- Task instructions: Where the line with "#116=IFCINDEXEDPOLYGONALFACE((27,31,32,28));" appears below, start writing out lines exactly, and finish with the line with "#133=IFCINDEXEDPOLYGONALFACE((61,62,64,63));", which is included; write out nothing else.

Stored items
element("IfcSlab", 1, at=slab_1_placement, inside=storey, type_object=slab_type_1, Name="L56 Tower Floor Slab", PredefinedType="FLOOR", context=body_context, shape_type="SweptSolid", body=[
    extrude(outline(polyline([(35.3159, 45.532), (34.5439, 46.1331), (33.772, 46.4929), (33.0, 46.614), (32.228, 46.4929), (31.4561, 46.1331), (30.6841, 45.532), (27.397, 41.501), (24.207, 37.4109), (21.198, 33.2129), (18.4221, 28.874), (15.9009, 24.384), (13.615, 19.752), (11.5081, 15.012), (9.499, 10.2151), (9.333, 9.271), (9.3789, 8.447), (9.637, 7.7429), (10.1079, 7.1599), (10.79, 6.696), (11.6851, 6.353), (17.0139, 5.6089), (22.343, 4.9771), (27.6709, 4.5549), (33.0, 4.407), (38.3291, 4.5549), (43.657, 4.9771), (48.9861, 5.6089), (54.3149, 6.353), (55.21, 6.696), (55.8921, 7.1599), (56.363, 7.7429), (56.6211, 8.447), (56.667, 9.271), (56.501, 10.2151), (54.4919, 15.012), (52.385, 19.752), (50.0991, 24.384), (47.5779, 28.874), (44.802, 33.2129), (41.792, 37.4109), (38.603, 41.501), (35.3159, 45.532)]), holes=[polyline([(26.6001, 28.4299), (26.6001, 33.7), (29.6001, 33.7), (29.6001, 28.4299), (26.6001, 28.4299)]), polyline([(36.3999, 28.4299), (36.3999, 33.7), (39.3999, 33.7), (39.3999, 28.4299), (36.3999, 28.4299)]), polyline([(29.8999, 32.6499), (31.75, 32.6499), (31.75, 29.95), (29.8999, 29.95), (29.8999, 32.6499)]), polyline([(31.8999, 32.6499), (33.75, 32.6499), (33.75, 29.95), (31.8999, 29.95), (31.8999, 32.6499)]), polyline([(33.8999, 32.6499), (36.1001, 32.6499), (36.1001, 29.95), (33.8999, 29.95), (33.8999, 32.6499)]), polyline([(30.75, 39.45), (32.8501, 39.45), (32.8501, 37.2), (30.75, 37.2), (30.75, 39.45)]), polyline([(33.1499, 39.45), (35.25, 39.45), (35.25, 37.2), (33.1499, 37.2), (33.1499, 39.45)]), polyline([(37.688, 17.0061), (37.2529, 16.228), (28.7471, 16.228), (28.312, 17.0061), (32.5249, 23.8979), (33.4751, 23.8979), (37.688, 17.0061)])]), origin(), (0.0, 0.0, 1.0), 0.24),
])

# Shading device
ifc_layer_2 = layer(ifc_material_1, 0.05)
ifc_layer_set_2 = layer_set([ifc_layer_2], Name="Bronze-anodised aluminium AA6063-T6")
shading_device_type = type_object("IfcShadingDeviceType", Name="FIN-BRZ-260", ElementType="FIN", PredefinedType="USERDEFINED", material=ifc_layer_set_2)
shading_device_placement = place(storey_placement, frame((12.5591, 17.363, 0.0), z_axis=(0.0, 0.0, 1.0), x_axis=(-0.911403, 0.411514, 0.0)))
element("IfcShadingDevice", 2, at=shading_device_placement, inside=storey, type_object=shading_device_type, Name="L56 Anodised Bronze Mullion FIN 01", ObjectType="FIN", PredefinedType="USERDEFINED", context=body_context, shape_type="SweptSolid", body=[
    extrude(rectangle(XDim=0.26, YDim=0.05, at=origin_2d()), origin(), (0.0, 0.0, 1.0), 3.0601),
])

--

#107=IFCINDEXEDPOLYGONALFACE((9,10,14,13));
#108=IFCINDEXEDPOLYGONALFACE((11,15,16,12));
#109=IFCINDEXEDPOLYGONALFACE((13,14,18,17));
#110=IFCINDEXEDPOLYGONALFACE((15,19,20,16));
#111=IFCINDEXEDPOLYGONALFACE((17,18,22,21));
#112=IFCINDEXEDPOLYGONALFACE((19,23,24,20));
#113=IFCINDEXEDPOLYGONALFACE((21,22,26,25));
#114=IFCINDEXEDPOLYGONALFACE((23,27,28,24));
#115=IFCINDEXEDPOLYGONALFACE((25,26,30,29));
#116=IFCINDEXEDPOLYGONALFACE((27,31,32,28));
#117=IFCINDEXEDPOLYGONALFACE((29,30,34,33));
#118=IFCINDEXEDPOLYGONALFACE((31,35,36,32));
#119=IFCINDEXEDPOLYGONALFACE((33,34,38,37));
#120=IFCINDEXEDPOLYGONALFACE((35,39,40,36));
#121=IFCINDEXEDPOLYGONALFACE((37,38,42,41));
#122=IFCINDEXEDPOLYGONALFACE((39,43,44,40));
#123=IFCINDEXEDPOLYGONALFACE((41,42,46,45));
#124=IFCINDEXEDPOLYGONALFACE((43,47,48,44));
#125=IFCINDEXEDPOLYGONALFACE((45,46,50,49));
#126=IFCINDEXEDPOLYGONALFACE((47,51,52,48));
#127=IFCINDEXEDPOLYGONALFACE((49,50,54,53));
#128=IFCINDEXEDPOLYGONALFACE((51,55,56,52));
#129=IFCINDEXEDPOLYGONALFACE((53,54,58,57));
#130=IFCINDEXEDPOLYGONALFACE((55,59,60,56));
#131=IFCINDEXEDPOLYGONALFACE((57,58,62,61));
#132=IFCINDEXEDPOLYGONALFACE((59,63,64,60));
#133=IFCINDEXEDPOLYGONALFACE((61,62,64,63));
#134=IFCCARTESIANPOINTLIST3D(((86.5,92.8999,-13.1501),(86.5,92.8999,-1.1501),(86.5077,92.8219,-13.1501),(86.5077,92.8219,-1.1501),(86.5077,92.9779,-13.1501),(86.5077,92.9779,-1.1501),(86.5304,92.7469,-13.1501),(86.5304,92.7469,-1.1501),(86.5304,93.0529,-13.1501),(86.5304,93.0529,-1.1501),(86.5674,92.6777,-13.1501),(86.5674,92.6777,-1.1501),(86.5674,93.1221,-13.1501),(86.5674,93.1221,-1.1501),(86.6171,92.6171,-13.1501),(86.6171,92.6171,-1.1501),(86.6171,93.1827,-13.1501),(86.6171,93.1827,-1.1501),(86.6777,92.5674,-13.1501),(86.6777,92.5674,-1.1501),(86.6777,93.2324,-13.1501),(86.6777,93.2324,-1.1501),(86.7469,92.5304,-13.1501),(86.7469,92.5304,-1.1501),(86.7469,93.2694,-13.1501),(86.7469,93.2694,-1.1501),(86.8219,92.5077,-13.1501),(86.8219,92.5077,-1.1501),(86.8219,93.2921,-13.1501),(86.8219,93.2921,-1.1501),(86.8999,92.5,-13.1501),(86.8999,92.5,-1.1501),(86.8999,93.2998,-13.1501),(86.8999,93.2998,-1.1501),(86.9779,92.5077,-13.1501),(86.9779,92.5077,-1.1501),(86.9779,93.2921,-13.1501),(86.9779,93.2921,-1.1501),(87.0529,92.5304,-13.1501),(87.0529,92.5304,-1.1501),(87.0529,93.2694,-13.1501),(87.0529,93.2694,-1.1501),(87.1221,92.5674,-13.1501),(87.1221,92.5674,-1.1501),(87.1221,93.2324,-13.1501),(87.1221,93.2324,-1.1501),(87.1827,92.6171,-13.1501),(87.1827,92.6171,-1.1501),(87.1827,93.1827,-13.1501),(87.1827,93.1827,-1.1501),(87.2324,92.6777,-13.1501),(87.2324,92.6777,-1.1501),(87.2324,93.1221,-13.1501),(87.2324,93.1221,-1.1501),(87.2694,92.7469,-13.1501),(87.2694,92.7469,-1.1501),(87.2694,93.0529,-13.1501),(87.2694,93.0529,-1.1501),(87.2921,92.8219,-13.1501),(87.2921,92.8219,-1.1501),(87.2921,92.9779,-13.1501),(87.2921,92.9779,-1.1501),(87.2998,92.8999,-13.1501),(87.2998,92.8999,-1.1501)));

- Your solution:
#116=IFCINDEXEDPOLYGONALFACE((27,31,32,28));
#117=IFCINDEXEDPOLYGONALFACE((29,30,34,33));
#118=IFCINDEXEDPOLYGONALFACE((31,35,36,32));
#119=IFCINDEXEDPOLYGONALFACE((33,34,38,37));
#120=IFCINDEXEDPOLYGONALFACE((35,39,40,36));
#121=IFCINDEXEDPOLYGONALFACE((37,38,42,41));
#122=IFCINDEXEDPOLYGONALFACE((39,43,44,40));
#123=IFCINDEXEDPOLYGONALFACE((41,42,46,45));
#124=IFCINDEXEDPOLYGONALFACE((43,47,48,44));
#125=IFCINDEXEDPOLYGONALFACE((45,46,50,49));
#126=IFCINDEXEDPOLYGONALFACE((47,51,52,48));
#127=IFCINDEXEDPOLYGONALFACE((49,50,54,53));
#128=IFCINDEXEDPOLYGONALFACE((51,55,56,52));
#129=IFCINDEXEDPOLYGONALFACE((53,54,58,57));
#130=IFCINDEXEDPOLYGONALFACE((55,59,60,56));
#131=IFCINDEXEDPOLYGONALFACE((57,58,62,61));
#132=IFCINDEXEDPOLYGONALFACE((59,63,64,60));
#133=IFCINDEXEDPOLYGONALFACE((61,62,64,63));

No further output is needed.